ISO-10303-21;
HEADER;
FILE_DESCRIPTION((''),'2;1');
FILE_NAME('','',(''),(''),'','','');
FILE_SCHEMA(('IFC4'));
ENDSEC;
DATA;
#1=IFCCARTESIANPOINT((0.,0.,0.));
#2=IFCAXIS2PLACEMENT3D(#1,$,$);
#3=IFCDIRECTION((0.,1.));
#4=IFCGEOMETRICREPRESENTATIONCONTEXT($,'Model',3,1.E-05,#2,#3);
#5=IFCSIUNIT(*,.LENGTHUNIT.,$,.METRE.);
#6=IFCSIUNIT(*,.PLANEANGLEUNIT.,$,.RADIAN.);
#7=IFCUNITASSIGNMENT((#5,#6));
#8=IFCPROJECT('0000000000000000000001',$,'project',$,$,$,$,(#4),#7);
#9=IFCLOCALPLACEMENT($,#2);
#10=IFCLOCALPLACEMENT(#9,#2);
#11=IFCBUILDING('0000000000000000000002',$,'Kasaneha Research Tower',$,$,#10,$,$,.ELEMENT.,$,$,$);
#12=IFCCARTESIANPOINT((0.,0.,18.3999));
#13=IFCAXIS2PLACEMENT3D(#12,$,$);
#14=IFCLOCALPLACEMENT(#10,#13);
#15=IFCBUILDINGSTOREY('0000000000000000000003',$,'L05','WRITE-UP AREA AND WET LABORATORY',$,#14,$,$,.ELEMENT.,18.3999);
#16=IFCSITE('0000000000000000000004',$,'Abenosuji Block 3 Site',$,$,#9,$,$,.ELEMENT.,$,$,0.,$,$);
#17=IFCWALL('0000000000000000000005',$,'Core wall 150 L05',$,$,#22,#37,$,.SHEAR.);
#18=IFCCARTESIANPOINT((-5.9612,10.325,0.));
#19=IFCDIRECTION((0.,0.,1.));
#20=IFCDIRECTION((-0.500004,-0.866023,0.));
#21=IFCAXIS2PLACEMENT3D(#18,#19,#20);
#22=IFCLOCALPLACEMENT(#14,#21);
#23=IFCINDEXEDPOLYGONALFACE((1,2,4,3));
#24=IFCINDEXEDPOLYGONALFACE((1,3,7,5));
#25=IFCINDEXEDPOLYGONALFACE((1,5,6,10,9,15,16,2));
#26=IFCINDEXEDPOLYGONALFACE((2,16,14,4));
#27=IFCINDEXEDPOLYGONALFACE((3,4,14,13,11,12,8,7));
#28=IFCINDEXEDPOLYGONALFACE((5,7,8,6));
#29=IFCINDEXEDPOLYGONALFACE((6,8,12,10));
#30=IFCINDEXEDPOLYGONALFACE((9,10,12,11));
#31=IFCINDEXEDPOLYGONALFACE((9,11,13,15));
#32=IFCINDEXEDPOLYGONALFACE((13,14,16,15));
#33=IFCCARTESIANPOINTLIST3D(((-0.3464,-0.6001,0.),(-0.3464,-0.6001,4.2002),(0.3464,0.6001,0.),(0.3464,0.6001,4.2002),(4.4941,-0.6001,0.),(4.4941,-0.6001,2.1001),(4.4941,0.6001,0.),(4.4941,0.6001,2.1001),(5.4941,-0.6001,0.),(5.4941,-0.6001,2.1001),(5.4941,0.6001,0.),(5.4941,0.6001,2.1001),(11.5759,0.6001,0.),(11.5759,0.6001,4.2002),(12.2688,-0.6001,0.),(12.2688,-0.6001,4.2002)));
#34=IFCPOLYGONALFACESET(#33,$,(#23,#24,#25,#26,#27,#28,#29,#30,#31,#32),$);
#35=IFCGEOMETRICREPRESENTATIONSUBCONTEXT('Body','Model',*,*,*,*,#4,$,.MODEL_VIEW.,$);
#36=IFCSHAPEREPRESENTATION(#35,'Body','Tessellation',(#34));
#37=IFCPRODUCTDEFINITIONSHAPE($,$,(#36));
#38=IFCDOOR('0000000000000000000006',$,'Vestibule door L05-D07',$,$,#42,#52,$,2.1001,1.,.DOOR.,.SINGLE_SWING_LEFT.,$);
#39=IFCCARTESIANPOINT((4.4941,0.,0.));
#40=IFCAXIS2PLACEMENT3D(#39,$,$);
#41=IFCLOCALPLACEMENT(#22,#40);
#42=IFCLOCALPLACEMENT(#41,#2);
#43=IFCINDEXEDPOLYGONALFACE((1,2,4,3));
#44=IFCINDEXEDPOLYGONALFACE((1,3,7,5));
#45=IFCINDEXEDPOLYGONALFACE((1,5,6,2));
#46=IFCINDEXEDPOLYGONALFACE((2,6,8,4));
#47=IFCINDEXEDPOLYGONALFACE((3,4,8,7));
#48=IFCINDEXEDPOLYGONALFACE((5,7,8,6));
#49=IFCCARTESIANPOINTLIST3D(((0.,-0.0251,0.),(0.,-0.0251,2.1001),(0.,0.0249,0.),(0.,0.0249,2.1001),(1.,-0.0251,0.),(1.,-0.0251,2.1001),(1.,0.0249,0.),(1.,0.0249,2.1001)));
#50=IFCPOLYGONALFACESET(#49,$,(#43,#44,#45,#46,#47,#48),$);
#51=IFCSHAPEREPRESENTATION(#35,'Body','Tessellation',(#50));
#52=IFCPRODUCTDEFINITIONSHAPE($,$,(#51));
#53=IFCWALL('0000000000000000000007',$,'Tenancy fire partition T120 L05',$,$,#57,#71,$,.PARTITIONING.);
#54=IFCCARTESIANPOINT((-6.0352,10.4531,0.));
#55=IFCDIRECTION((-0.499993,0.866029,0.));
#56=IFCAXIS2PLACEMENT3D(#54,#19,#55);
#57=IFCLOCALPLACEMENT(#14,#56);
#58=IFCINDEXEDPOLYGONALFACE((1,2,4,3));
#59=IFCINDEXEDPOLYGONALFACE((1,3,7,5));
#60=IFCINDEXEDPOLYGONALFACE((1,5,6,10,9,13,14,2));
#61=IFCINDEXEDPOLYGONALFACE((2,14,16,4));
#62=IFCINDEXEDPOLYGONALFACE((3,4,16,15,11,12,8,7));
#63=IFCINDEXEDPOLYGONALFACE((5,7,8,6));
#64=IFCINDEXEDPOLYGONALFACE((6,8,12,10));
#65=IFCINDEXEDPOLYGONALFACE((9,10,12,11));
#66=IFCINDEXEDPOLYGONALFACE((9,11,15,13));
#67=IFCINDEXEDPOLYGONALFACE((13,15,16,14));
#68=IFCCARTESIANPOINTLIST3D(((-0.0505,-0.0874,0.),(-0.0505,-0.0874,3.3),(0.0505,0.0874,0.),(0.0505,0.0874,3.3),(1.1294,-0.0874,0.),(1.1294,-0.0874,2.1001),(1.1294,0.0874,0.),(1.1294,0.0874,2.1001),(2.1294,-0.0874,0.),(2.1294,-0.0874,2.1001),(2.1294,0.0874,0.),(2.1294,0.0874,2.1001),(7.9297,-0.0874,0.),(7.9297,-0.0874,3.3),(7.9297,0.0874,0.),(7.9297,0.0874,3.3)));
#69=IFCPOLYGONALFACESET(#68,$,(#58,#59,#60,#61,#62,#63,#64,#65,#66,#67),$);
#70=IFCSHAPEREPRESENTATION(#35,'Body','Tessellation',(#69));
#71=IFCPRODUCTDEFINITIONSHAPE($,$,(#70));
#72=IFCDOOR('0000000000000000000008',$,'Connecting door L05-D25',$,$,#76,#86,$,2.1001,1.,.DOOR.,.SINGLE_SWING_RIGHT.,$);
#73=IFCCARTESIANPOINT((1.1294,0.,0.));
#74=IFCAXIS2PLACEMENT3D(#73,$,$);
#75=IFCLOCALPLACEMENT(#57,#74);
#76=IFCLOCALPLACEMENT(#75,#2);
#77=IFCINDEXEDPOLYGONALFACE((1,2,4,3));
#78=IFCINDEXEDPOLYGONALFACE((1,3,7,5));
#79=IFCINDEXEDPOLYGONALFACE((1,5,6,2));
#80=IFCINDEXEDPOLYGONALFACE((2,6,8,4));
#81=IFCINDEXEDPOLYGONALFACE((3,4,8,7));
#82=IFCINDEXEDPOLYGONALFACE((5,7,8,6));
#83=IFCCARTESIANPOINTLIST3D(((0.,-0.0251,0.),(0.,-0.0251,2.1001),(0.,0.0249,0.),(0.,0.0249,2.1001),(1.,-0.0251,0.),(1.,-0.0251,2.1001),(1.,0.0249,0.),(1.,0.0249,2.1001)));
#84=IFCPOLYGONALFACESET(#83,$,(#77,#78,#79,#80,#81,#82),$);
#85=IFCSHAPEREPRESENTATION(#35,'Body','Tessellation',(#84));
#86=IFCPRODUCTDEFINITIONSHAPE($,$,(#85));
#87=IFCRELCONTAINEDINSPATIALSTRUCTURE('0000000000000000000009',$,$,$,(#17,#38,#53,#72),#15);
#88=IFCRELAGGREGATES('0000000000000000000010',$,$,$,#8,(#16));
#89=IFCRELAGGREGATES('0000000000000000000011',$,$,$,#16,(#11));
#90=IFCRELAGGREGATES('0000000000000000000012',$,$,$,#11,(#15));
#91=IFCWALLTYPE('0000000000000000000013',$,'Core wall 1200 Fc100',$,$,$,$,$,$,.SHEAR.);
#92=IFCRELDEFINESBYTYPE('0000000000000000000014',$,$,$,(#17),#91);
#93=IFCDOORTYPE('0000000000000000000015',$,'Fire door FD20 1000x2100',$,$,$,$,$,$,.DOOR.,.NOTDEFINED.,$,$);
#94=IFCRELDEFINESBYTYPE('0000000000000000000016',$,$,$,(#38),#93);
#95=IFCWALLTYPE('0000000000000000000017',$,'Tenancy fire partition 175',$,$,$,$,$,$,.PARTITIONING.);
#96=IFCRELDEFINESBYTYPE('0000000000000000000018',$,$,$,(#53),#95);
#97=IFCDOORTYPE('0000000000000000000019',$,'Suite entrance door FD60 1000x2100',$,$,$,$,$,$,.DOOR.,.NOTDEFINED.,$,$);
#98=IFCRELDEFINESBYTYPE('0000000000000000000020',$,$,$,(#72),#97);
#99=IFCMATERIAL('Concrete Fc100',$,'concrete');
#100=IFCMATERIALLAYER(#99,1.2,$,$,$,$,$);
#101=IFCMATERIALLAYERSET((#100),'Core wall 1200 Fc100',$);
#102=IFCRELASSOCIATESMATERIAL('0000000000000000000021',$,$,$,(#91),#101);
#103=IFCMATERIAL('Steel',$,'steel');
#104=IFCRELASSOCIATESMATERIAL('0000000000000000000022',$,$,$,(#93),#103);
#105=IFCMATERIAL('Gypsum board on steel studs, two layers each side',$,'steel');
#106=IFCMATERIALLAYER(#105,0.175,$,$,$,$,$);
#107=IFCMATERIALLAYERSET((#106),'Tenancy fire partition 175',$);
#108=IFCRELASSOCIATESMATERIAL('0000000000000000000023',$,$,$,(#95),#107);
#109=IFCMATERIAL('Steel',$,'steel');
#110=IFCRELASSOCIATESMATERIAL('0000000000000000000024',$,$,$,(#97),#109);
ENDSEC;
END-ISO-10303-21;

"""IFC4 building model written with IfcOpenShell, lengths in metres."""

from ifc_helpers import new_model, si_unit, direction, frame, frame_2d, origin, place, context, subcontext, project, spatial, polyline, rectangle, outline, extrude, material, layer, layer_set, type_object, element, fill, save


model = new_model("IFC4")

# Units and contexts
model_context = context("Model", 3, precision=1e-05, world=origin(), true_north=direction((0.0, 1.0)))
body_context = subcontext(model_context, "Body", "Model", "MODEL_VIEW")
ifc_project = project(units=[si_unit("LENGTHUNIT", "METRE"), si_unit("PLANEANGLEUNIT", "RADIAN")], contexts=[model_context])

# Site, building, storey
site_placement = place(None, origin())
site = spatial("IfcSite", under=ifc_project, at=site_placement, Name="Abenosuji Block 3 Site", CompositionType="ELEMENT", RefElevation=0.0)
building_placement = place(site_placement, origin())
building = spatial("IfcBuilding", under=site, at=building_placement, Name="Kasaneha Research Tower", CompositionType="ELEMENT")
storey_placement = place(building_placement, frame((0.0, 0.0, 18.3999)))
storey = spatial("IfcBuildingStorey", under=building, at=storey_placement, Name="L05", Description="WRITE-UP AREA AND WET LABORATORY", CompositionType="ELEMENT", Elevation=18.3999)

# Wall, opening, door
ifc_material_1 = material(Name="Concrete Fc100", Category="concrete")
ifc_layer_1 = layer(ifc_material_1, 1.2)
ifc_layer_set_1 = layer_set([ifc_layer_1], Name="Core wall 1200 Fc100")
wall_type_1 = type_object("IfcWallType", Name="Core wall 1200 Fc100", PredefinedType="SHEAR", material=ifc_layer_set_1)
wall_1_placement = place(storey_placement, frame((-5.9612, 10.325, 0.0), z_axis=(0.0, 0.0, 1.0), x_axis=(-0.500004, -0.866023, 0.0)))
wall_1 = element("IfcWall", 1, at=wall_1_placement, inside=storey, type_object=wall_type_1, Name="Core wall 150 L05", PredefinedType="SHEAR", context=body_context, shape_type="SweptSolid", body=[
    extrude(outline(polyline([(-0.3464, -0.6001), (4.4941, -0.6001), (5.4941, -0.6001), (12.2688, -0.6001), (11.5759, 0.6001), (5.4941, 0.6001), (4.4941, 0.6001), (0.3464, 0.6001), (-0.3464, -0.6001)])), origin(), (0.0, 0.0, 1.0), 4.2002),
])
opening_1_placement = place(wall_1_placement, frame((4.4941, 0.0, 0.0)))
opening_1 = element("IfcOpeningElement", 2, at=opening_1_placement, cuts=wall_1, PredefinedType="OPENING", context=body_context, shape_type="SweptSolid", body=[
    extrude(rectangle(XDim=1.0, YDim=2.1001, at=frame_2d((0.5, 1.05))), frame((0.0, 0.6099, 0.0), z_axis=(0.0, -1.0, 0.0), x_axis=(1.0, 0.0, 0.0)), (0.0, 0.0, 1.0), 1.22),
])
ifc_material_2 = material(Name="Steel", Category="steel")
door_type_1 = type_object("IfcDoorType", Name="Fire door FD20 1000x2100", OperationType="NOTDEFINED", PredefinedType="DOOR", material=ifc_material_2)
door_1_placement = place(opening_1_placement, origin())
door_1 = element("IfcDoor", 3, at=door_1_placement, inside=storey, type_object=door_type_1, Name="Vestibule door L05-D07", OperationType="SINGLE_SWING_LEFT", OverallHeight=2.1001, OverallWidth=1.0, PredefinedType="DOOR", context=body_context, shape_type="SweptSolid", body=[
    extrude(rectangle(XDim=1.0, YDim=2.1001, at=frame_2d((0.5, 1.05))), frame((0.0, 0.0249, 0.0), z_axis=(0.0, -1.0, 0.0), x_axis=(1.0, 0.0, 0.0)), (0.0, 0.0, 1.0), 0.05),
])
fill(opening_1, door_1)

# Wall, opening, door
ifc_material_3 = material(Name="Gypsum board on steel studs, two layers each side", Category="steel")
ifc_layer_2 = layer(ifc_material_3, 0.175)
ifc_layer_set_2 = layer_set([ifc_layer_2], Name="Tenancy fire partition 175")
wall_type_2 = type_object("IfcWallType", Name="Tenancy fire partition 175", PredefinedType="PARTITIONING", material=ifc_layer_set_2)
wall_2_placement = place(storey_placement, frame((-6.0352, 10.4531, 0.0), z_axis=(0.0, 0.0, 1.0), x_axis=(-0.499993, 0.866029, 0.0)))
wall_2 = element("IfcWall", 4, at=wall_2_placement, inside=storey, type_object=wall_type_2, Name="Tenancy fire partition T120 L05", PredefinedType="PARTITIONING", context=body_context, shape_type="SweptSolid", body=[
    extrude(outline(polyline([(-0.0505, -0.0874), (1.1294, -0.0874), (2.1294, -0.0874), (7.9297, -0.0874), (7.9297, 0.0874), (2.1294, 0.0874), (1.1294, 0.0874), (0.0505, 0.0874), (-0.0505, -0.0874)])), origin(), (0.0, 0.0, 1.0), 3.3),
])
opening_2_placement = place(wall_2_placement, frame((1.1294, 0.0, 0.0)))
opening_2 = element("IfcOpeningElement", 5, at=opening_2_placement, cuts=wall_2, PredefinedType="OPENING", context=body_context, shape_type="SweptSolid", body=[
    extrude(rectangle(XDim=1.0, YDim=2.1001, at=frame_2d((0.5, 1.05))), frame((0.0, 0.0977, 0.0), z_axis=(0.0, -1.0, 0.0), x_axis=(1.0, 0.0, 0.0)), (0.0, 0.0, 1.0), 0.1951),
])
ifc_material_4 = material(Name="Steel", Category="steel")
door_type_2 = type_object("IfcDoorType", Name="Suite entrance door FD60 1000x2100", OperationType="NOTDEFINED", PredefinedType="DOOR", material=ifc_material_4)
door_2_placement = place(opening_2_placement, origin())
door_2 = element("IfcDoor", 6, at=door_2_placement, inside=storey, type_object=door_type_2, Name="Connecting door L05-D25", OperationType="SINGLE_SWING_RIGHT", OverallHeight=2.1001, OverallWidth=1.0, PredefinedType="DOOR", context=body_context, shape_type="SweptSolid", body=[
    extrude(rectangle(XDim=1.0, YDim=2.1001, at=frame_2d((0.5, 1.05))), frame((0.0, 0.0249, 0.0), z_axis=(0.0, -1.0, 0.0), x_axis=(1.0, 0.0, 0.0)), (0.0, 0.0, 1.0), 0.05),
])
fill(opening_2, door_2)

save(model, "model.ifc")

◇ ◇ ◇ ◇ ◇

— Aim of the task —
With the line holding "#12=IFCCARTESIANPOINT((0.,0.,18.3999));" as the first and the line holding "#21=IFCAXIS2PLACEMENT3D(#18,#19,#20);" as the last, set down that range of the entries above exactly, and nothing else.

— Task response —
#12=IFCCARTESIANPOINT((0.,0.,18.3999));
#13=IFCAXIS2PLACEMENT3D(#12,$,$);
#14=IFCLOCALPLACEMENT(#10,#13);
#15=IFCBUILDINGSTOREY('0000000000000000000003',$,'L05','WRITE-UP AREA AND WET LABORATORY',$,#14,$,$,.ELEMENT.,18.3999);
#16=IFCSITE('0000000000000000000004',$,'Abenosuji Block 3 Site',$,$,#9,$,$,.ELEMENT.,$,$,0.,$,$);
#17=IFCWALL('0000000000000000000005',$,'Core wall 150 L05',$,$,#22,#37,$,.SHEAR.);
#18=IFCCARTESIANPOINT((-5.9612,10.325,0.));
#19=IFCDIRECTION((0.,0.,1.));
#20=IFCDIRECTION((-0.500004,-0.866023,0.));
#21=IFCAXIS2PLACEMENT3D(#18,#19,#20);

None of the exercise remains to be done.